Work instructions ::
Lines from the top of the entries down to the line with "#80=IFCINDEXEDPOLYGONALFACE((17,38,39,18));" must be set down exactly as they stand, with both ends retained.

════

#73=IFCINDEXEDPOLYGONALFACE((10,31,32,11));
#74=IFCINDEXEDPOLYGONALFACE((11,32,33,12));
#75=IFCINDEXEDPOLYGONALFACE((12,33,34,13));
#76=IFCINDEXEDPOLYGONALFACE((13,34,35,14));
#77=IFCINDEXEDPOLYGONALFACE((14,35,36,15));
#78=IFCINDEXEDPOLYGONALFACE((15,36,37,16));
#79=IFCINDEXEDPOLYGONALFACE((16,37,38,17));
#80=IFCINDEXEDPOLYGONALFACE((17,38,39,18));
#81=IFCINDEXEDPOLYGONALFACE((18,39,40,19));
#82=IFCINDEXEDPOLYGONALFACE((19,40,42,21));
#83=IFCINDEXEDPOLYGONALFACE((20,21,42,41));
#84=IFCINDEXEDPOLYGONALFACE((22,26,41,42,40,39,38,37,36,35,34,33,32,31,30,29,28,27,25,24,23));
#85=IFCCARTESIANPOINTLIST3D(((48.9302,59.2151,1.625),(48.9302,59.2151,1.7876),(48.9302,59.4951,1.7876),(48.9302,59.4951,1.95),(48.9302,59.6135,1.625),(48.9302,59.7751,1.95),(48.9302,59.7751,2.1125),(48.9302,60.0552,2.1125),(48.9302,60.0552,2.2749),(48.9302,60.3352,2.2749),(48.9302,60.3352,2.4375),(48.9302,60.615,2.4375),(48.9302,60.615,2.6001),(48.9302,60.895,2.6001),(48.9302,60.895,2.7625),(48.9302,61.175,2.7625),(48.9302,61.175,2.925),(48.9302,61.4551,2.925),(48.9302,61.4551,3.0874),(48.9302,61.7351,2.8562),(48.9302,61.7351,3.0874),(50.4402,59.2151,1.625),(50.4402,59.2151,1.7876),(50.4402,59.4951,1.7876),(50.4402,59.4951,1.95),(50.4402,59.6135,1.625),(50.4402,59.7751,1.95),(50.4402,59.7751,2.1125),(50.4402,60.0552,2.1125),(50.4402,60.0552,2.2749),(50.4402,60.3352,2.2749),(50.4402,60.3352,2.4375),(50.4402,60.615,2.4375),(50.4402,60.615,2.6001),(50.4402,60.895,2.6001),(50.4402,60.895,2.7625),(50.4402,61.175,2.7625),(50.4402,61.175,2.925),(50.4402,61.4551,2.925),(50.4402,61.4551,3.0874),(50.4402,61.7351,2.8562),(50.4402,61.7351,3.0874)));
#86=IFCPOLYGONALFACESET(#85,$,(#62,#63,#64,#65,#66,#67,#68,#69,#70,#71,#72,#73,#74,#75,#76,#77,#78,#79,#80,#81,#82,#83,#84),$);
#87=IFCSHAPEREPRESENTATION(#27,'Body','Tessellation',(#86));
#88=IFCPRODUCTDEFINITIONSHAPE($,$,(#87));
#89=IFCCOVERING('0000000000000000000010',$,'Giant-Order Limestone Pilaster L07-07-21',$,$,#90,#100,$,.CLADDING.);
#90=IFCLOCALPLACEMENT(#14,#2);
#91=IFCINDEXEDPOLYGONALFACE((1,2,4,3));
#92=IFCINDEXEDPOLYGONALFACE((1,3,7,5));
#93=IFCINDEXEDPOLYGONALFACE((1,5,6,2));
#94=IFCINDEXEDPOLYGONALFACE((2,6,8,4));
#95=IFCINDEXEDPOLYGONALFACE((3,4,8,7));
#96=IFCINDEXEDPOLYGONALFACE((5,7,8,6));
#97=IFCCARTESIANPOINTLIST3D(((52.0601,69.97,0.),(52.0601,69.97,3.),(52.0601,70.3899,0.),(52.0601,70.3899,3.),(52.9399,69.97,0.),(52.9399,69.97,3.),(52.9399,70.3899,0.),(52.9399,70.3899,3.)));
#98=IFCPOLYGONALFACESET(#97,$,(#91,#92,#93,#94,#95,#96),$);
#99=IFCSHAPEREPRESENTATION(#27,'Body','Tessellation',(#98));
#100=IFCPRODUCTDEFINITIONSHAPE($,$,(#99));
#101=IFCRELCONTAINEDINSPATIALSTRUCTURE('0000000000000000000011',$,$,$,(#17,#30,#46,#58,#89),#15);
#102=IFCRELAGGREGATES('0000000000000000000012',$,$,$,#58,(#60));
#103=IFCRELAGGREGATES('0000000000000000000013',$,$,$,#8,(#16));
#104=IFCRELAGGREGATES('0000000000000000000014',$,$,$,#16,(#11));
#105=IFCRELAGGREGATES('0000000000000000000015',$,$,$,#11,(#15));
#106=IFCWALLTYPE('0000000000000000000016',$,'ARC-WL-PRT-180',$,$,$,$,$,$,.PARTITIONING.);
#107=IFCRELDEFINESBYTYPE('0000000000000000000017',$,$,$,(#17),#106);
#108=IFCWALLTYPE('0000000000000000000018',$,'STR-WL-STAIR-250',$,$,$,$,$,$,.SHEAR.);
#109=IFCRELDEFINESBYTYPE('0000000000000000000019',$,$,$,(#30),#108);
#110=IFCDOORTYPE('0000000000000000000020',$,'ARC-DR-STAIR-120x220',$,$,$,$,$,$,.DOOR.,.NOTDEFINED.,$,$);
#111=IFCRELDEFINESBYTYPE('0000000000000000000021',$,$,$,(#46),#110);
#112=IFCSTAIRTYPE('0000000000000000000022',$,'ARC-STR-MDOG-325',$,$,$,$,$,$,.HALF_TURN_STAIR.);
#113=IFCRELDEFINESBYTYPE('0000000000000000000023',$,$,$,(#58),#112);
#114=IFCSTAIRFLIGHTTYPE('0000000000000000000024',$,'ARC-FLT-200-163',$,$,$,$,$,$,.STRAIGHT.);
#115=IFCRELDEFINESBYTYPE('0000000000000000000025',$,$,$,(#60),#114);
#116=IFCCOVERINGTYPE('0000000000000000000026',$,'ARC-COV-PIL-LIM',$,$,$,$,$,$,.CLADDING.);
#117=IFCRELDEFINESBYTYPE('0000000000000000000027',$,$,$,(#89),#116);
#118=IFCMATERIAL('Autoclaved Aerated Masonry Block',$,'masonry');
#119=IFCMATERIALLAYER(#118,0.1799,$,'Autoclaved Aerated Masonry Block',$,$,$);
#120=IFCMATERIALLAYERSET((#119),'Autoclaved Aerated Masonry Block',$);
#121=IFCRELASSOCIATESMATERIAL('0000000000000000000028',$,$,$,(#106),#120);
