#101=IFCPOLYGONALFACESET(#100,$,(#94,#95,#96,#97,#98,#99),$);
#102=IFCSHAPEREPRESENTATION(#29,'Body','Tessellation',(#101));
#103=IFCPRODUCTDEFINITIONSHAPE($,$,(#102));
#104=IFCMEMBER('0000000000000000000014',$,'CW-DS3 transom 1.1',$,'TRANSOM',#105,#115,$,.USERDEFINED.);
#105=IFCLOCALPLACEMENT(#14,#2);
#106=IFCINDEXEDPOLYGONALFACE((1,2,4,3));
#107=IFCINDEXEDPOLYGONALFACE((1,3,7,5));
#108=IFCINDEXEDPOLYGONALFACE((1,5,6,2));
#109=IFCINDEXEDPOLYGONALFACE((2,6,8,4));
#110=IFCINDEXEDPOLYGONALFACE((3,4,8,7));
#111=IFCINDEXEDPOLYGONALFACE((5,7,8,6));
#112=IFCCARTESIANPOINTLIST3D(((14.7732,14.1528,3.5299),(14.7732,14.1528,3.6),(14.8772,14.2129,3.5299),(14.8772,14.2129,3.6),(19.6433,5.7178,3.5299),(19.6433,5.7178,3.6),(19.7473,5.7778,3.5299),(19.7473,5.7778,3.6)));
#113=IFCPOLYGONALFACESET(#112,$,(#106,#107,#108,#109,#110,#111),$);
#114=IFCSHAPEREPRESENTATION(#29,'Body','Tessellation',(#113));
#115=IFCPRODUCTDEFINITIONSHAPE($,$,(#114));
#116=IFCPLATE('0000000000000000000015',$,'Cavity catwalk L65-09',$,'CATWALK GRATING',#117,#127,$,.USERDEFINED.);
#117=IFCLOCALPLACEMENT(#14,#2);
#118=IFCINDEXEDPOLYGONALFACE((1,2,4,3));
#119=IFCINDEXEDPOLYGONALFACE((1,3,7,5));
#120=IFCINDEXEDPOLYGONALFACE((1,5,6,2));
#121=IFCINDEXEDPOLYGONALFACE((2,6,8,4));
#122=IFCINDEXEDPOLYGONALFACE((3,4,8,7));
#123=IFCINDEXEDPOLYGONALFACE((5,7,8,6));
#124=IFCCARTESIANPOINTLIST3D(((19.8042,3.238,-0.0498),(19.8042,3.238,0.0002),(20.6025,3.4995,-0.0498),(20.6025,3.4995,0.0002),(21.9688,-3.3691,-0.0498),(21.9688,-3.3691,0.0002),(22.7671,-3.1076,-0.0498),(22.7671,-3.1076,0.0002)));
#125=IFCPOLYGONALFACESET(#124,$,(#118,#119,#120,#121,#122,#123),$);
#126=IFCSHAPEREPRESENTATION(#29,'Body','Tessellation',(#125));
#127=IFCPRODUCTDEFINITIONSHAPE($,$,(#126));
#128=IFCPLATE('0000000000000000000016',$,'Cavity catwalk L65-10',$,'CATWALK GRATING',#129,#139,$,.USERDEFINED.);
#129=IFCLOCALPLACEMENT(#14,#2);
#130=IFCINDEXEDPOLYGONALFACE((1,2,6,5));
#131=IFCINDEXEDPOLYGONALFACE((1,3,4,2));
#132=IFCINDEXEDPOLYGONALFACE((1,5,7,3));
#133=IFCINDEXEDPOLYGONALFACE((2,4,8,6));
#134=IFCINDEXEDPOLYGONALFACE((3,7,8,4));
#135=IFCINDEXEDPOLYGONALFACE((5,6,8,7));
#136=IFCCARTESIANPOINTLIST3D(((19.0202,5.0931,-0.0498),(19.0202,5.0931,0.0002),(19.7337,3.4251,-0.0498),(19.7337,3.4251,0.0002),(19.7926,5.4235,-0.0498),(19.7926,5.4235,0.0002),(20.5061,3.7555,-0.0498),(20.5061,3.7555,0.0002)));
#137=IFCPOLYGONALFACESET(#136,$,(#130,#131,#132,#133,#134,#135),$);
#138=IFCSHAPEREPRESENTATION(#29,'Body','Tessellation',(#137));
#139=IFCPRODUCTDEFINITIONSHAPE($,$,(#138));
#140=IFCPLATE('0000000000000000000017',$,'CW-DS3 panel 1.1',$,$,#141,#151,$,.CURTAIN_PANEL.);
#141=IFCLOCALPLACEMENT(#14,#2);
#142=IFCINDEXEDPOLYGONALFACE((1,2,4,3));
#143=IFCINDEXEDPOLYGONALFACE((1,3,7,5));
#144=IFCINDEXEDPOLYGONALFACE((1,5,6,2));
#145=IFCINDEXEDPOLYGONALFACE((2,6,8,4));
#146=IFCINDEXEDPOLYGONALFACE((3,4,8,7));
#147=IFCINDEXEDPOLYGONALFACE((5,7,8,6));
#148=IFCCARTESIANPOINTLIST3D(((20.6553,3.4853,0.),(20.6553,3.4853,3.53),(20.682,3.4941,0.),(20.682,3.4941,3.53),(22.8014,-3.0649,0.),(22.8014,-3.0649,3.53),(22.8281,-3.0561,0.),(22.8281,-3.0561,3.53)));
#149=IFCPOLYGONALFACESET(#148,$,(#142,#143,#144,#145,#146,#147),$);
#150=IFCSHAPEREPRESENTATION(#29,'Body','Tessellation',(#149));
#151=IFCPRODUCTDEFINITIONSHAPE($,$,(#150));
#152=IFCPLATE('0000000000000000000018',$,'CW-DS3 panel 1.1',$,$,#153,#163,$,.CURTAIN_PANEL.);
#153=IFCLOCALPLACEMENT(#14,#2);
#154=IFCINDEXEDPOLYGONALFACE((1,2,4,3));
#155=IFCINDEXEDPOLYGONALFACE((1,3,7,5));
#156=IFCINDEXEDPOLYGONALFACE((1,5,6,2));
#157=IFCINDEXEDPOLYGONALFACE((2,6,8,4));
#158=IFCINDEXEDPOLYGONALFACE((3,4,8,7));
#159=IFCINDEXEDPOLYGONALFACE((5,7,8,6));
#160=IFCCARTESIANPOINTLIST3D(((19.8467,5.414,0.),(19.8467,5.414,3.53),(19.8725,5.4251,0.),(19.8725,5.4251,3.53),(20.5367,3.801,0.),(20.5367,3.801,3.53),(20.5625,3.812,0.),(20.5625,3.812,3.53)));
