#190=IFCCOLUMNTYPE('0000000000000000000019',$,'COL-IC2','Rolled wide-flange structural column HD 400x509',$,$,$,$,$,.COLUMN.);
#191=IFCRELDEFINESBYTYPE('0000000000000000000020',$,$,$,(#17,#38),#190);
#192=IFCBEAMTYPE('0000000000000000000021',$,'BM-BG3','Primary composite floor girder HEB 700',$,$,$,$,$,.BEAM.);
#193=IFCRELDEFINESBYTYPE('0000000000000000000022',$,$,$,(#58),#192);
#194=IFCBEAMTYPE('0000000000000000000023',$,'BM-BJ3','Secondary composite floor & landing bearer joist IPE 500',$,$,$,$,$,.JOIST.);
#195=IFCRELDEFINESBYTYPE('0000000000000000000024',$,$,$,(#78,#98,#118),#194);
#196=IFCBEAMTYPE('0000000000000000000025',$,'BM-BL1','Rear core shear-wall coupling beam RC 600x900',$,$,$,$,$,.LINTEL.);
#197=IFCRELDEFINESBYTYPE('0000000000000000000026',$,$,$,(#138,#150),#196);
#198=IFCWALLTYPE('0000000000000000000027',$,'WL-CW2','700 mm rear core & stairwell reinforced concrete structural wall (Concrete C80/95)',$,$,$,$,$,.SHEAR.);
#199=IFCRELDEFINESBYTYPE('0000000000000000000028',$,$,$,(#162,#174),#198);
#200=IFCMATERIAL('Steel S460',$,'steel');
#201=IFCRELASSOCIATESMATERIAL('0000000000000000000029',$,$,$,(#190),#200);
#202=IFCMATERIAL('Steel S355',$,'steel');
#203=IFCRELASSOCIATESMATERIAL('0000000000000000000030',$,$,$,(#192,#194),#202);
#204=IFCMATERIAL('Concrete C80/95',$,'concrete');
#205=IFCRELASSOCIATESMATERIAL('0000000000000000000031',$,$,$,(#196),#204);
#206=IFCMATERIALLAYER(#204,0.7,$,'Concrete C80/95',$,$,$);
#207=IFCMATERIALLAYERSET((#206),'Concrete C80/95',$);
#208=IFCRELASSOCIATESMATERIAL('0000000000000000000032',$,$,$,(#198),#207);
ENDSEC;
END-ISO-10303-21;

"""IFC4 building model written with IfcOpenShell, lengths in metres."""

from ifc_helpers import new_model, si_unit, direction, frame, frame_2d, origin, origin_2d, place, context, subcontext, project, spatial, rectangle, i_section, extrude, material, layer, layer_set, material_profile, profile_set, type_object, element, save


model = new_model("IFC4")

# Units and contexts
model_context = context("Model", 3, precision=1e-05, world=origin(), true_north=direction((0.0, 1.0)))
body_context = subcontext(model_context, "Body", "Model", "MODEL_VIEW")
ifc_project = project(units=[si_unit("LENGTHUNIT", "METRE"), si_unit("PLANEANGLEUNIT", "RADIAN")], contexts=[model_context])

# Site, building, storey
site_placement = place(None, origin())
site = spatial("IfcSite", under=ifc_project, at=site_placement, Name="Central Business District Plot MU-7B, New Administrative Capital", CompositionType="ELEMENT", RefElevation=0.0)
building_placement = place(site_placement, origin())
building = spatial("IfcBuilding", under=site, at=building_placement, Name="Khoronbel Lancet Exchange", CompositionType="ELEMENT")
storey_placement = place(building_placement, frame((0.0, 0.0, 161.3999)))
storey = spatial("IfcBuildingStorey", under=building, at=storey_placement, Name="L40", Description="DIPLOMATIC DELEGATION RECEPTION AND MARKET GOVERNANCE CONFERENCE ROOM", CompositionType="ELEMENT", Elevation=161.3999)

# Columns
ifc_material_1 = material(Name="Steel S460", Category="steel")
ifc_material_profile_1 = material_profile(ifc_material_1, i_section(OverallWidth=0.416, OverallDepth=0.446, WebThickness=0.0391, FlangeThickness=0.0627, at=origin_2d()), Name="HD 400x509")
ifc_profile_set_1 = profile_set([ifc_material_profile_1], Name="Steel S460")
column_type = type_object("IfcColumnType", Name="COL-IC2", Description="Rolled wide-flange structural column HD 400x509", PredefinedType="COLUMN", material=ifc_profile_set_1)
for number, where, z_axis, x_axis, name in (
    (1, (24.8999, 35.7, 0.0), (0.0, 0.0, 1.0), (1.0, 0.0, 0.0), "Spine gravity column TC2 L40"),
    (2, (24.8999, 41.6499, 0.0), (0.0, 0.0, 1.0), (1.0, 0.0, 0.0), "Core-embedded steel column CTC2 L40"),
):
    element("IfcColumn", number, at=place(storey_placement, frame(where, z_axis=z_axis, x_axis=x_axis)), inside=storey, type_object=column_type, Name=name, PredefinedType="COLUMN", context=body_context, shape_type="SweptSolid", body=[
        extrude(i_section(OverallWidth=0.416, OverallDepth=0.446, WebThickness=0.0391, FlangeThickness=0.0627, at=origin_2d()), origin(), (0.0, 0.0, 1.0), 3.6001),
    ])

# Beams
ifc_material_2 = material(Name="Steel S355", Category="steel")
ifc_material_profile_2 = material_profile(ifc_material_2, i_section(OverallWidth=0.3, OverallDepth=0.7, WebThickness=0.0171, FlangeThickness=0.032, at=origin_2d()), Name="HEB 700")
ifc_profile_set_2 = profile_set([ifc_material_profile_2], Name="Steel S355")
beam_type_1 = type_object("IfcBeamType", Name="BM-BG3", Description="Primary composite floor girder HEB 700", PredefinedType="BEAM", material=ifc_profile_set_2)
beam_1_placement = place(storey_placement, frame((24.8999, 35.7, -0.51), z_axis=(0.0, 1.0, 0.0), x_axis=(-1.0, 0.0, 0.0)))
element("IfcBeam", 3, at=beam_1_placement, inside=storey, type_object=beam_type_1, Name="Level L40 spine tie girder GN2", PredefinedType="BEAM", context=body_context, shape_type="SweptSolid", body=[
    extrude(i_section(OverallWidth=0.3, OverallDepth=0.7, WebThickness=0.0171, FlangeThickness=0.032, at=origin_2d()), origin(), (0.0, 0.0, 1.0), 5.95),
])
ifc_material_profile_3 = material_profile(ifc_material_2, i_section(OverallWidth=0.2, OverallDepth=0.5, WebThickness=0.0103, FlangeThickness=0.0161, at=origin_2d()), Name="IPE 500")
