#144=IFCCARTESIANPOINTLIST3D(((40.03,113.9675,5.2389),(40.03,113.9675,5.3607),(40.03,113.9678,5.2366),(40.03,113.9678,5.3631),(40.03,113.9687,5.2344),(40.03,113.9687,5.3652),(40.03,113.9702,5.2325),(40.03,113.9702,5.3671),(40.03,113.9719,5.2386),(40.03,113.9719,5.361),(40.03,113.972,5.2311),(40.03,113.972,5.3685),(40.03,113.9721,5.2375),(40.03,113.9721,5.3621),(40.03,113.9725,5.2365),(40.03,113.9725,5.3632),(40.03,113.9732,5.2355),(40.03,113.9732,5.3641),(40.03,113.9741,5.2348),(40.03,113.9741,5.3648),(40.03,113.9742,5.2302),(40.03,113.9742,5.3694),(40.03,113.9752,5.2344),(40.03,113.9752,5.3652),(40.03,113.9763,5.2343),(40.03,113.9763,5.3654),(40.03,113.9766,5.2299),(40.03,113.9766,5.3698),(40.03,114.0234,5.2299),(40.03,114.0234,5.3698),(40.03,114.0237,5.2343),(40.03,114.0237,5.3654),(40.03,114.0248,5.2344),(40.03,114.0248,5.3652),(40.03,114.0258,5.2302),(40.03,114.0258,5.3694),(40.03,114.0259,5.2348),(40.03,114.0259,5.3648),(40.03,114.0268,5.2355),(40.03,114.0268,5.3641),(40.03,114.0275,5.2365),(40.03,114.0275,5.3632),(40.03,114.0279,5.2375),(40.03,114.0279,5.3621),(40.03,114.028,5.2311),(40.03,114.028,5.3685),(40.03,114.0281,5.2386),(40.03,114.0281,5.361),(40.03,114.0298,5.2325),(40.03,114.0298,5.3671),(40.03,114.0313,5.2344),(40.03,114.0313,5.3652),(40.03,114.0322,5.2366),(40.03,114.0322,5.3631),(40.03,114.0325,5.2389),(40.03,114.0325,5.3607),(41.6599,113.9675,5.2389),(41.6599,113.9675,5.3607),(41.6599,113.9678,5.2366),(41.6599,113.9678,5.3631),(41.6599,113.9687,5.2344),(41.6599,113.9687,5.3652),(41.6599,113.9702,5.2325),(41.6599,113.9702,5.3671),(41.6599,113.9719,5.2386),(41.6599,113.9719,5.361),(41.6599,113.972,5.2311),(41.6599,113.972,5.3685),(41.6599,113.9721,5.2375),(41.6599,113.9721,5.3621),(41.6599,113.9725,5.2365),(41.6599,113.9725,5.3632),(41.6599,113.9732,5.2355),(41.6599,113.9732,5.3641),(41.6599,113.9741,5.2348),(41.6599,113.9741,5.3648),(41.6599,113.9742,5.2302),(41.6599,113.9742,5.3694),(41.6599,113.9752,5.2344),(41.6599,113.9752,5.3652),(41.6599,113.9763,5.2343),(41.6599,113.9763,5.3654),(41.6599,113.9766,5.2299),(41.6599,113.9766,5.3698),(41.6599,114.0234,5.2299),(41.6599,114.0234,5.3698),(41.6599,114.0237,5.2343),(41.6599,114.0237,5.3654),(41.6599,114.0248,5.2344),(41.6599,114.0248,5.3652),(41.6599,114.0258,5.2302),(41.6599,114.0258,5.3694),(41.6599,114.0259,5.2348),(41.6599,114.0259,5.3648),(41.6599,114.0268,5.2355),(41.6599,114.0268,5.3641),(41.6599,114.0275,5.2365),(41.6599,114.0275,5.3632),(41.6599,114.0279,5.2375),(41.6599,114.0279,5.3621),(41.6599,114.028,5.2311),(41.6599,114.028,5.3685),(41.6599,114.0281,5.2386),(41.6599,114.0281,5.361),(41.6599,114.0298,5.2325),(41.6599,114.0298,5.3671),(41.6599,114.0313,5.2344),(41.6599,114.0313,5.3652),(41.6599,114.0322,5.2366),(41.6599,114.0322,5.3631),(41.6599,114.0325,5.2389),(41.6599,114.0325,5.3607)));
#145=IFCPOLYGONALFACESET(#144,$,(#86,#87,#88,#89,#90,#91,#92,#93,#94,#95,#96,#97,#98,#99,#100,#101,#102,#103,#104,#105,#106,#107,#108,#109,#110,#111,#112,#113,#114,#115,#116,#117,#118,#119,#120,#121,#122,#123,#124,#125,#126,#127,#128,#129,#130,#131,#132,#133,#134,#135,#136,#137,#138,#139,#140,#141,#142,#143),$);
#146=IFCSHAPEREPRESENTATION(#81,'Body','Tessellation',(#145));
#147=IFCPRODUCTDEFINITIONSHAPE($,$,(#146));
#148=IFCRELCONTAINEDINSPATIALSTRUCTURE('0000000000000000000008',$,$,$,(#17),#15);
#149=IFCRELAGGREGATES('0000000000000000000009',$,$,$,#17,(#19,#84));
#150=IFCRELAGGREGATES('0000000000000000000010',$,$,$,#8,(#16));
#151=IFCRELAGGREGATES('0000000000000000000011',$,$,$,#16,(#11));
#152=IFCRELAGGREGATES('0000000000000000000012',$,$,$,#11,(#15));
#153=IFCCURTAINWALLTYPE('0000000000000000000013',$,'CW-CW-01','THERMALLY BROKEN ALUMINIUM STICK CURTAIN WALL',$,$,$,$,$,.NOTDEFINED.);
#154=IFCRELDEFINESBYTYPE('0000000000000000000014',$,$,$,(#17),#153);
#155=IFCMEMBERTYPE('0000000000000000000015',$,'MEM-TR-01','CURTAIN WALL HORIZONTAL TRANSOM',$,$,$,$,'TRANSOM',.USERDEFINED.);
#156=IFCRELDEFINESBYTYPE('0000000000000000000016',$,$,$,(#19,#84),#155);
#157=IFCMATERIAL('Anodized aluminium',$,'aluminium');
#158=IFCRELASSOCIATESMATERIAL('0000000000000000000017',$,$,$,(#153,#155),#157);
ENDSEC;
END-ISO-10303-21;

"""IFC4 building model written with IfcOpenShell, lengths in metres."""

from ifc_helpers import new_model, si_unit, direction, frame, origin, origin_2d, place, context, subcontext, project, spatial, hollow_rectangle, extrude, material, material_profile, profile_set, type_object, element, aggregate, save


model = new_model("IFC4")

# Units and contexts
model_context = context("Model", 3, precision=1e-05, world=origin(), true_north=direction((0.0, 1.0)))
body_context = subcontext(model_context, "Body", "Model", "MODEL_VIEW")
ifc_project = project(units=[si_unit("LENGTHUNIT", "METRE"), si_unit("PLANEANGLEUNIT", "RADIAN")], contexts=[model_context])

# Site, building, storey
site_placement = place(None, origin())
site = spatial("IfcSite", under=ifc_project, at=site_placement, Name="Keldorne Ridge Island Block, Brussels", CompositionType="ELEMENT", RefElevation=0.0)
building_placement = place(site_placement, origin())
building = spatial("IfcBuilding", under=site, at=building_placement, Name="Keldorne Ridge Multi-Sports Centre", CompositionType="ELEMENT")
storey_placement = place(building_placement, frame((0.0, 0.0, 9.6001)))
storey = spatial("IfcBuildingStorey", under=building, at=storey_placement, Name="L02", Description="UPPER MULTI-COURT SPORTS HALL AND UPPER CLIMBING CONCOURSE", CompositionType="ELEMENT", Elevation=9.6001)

════

Answer to this task ::
#73=IFCINDEXEDPOLYGONALFACE((10,31,32,11));
#74=IFCINDEXEDPOLYGONALFACE((11,32,33,12));
#75=IFCINDEXEDPOLYGONALFACE((12,33,34,13));
#76=IFCINDEXEDPOLYGONALFACE((13,34,35,14));
#77=IFCINDEXEDPOLYGONALFACE((14,35,36,15));
#78=IFCINDEXEDPOLYGONALFACE((15,36,37,16));
#79=IFCINDEXEDPOLYGONALFACE((16,37,38,17));
#80=IFCINDEXEDPOLYGONALFACE((17,38,39,18));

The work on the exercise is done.